*Problem*. Take every line in the entries that includes the word "BORED" and copy it.
===== Material provided
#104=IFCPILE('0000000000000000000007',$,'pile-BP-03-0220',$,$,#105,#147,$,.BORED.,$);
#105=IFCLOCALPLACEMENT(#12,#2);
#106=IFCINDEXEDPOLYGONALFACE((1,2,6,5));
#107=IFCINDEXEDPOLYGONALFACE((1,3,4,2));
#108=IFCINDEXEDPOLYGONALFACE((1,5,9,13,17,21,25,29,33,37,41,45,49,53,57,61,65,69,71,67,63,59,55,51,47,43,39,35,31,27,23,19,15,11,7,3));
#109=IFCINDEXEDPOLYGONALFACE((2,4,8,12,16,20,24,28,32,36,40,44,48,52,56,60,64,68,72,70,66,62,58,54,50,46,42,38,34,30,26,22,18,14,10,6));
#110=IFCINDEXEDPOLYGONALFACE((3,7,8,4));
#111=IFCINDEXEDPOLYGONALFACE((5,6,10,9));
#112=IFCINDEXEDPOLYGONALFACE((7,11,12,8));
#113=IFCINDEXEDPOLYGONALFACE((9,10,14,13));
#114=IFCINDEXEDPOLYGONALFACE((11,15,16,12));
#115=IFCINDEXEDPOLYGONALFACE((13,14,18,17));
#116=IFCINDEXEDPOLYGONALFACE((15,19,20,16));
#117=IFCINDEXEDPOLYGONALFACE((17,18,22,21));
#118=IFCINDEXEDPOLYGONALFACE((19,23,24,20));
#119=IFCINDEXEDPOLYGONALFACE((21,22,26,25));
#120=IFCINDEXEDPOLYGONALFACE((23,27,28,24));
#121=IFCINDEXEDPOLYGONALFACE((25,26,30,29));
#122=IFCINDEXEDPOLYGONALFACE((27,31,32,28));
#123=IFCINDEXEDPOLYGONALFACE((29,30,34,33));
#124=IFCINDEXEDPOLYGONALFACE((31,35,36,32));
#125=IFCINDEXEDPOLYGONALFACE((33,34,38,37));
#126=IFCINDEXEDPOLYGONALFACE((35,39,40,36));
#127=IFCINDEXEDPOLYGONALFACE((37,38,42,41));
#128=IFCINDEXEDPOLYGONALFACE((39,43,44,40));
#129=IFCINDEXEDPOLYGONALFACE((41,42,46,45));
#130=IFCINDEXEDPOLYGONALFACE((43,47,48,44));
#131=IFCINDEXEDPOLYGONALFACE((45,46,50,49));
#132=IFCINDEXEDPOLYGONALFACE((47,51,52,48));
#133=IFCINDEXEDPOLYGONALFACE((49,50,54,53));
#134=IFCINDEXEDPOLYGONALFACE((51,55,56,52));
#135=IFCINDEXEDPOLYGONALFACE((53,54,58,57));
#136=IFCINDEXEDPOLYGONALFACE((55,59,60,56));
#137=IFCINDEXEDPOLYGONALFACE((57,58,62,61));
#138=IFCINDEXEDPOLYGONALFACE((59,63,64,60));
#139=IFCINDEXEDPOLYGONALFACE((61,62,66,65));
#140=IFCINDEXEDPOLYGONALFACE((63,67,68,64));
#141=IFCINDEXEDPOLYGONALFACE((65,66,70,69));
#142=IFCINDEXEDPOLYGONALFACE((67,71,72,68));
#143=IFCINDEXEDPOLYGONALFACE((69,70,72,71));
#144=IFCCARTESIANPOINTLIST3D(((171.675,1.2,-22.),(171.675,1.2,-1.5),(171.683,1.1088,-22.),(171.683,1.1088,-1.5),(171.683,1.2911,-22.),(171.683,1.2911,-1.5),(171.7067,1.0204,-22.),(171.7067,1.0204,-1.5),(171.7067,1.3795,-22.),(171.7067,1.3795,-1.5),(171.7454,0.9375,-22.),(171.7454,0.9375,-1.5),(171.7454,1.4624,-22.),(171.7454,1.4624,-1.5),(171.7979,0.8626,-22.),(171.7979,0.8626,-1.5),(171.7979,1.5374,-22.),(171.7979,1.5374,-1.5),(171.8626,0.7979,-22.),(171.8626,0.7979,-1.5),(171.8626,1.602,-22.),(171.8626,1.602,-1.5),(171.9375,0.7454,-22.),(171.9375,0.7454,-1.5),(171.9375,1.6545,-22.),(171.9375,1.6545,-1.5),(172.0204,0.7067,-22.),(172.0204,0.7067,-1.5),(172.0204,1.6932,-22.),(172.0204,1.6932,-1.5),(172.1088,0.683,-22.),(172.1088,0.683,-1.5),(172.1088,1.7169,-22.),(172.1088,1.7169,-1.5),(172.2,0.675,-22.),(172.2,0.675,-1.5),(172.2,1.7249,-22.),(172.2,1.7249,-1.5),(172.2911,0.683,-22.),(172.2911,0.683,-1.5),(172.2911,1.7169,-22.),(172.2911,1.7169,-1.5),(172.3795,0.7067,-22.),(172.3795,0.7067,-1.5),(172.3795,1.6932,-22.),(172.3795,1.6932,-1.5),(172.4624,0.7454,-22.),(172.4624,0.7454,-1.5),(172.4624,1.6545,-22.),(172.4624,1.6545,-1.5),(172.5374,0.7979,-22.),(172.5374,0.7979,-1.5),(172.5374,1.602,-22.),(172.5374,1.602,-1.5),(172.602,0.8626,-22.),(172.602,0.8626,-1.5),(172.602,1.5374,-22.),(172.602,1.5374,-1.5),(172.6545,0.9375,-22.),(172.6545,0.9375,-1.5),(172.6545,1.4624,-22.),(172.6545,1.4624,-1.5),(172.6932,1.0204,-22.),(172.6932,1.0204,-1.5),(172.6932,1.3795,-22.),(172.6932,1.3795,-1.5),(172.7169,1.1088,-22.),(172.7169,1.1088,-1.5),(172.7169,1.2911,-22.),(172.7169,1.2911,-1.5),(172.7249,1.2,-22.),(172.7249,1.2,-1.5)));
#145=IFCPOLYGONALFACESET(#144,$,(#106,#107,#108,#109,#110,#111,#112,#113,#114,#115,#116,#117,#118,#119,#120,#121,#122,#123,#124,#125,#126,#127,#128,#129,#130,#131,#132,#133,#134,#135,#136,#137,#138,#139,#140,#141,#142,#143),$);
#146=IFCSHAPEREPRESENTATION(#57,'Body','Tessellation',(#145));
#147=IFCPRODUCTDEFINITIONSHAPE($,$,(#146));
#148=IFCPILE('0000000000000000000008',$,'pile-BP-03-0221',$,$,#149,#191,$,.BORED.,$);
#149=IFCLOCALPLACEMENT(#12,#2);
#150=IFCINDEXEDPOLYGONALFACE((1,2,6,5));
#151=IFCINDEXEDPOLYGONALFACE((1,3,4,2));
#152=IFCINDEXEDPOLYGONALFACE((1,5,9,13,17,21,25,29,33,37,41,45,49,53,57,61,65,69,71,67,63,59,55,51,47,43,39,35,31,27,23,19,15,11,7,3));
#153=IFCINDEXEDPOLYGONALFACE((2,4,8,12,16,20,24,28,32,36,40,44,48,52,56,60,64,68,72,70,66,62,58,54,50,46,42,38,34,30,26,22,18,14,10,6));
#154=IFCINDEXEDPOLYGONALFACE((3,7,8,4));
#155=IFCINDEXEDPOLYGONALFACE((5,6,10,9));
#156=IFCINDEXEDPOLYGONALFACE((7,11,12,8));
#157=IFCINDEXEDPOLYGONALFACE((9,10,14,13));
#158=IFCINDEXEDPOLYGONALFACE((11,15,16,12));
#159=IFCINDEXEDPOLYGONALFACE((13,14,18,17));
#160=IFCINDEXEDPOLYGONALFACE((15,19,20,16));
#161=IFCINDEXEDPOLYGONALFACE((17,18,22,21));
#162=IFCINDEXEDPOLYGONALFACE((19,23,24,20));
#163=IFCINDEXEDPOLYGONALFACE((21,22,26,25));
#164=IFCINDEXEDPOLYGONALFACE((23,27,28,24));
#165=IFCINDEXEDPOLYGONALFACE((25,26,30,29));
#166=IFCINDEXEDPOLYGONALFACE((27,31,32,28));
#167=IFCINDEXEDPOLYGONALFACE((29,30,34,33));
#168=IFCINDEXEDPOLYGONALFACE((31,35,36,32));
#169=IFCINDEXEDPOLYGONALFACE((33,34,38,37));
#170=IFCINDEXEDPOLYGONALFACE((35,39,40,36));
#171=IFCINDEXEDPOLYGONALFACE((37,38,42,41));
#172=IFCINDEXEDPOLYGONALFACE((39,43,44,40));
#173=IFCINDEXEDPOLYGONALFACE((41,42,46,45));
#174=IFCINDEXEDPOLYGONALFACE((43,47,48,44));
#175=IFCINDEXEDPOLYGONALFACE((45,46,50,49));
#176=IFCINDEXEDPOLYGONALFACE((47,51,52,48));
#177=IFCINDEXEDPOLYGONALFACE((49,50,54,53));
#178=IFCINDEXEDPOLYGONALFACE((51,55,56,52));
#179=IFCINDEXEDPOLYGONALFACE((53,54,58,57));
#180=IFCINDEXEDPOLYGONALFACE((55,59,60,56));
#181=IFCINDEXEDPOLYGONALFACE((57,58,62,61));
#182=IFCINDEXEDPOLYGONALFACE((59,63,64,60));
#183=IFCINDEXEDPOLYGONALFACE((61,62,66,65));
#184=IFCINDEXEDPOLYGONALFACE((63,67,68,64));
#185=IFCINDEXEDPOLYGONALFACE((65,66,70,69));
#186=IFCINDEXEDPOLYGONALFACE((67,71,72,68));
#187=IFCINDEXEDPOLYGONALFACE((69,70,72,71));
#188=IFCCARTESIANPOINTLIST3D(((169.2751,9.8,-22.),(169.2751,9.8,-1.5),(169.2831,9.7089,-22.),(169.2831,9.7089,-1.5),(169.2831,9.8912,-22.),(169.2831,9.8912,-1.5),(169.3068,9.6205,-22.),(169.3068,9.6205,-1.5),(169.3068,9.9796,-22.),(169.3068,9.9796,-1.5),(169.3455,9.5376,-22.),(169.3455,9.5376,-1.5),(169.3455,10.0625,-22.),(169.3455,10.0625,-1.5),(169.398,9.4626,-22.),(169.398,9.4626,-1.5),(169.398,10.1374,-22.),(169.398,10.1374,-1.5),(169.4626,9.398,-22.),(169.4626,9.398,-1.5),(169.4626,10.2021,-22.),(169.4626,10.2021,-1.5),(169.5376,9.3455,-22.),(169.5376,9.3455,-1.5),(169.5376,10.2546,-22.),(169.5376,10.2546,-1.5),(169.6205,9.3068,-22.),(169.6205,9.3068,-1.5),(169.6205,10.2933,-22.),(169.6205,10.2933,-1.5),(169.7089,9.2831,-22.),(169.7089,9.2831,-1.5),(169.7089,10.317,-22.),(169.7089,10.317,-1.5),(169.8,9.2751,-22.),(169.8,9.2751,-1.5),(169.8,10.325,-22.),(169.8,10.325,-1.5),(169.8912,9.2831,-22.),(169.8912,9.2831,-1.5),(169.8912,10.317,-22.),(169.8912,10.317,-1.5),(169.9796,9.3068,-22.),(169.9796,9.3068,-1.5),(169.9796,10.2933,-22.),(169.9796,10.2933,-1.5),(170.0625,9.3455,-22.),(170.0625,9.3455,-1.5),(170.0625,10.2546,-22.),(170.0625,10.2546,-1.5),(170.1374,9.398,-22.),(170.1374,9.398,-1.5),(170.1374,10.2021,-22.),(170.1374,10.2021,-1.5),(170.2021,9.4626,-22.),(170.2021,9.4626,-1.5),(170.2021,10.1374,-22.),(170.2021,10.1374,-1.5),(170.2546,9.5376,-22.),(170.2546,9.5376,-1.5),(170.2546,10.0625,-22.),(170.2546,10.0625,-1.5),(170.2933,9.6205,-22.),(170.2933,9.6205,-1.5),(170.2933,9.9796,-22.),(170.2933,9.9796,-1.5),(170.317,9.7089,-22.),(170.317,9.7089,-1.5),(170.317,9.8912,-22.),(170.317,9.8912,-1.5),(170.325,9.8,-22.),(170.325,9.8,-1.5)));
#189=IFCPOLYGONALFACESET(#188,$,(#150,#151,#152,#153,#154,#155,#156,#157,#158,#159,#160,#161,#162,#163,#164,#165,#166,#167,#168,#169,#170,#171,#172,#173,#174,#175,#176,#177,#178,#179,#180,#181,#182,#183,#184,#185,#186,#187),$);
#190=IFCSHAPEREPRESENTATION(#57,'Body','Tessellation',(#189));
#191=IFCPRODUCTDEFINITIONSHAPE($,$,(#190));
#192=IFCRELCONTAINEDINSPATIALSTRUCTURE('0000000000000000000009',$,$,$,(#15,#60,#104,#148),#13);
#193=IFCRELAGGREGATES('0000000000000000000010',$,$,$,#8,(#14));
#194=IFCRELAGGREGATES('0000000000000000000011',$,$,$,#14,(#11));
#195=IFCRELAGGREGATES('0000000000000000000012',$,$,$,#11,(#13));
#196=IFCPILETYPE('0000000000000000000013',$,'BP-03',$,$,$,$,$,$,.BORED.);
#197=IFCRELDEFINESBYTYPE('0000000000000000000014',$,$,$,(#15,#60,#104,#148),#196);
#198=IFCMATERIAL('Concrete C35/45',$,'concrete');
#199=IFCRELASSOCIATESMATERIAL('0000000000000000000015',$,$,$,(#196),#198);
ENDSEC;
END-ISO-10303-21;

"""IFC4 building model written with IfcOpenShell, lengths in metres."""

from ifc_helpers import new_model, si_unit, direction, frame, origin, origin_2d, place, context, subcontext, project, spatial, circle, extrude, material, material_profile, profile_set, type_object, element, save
==========
*Reply to the exercise*.
#104=IFCPILE('0000000000000000000007',$,'pile-BP-03-0220',$,$,#105,#147,$,.BORED.,$);
#148=IFCPILE('0000000000000000000008',$,'pile-BP-03-0221',$,$,#149,#191,$,.BORED.,$);
#196=IFCPILETYPE('0000000000000000000013',$,'BP-03',$,$,$,$,$,$,.BORED.);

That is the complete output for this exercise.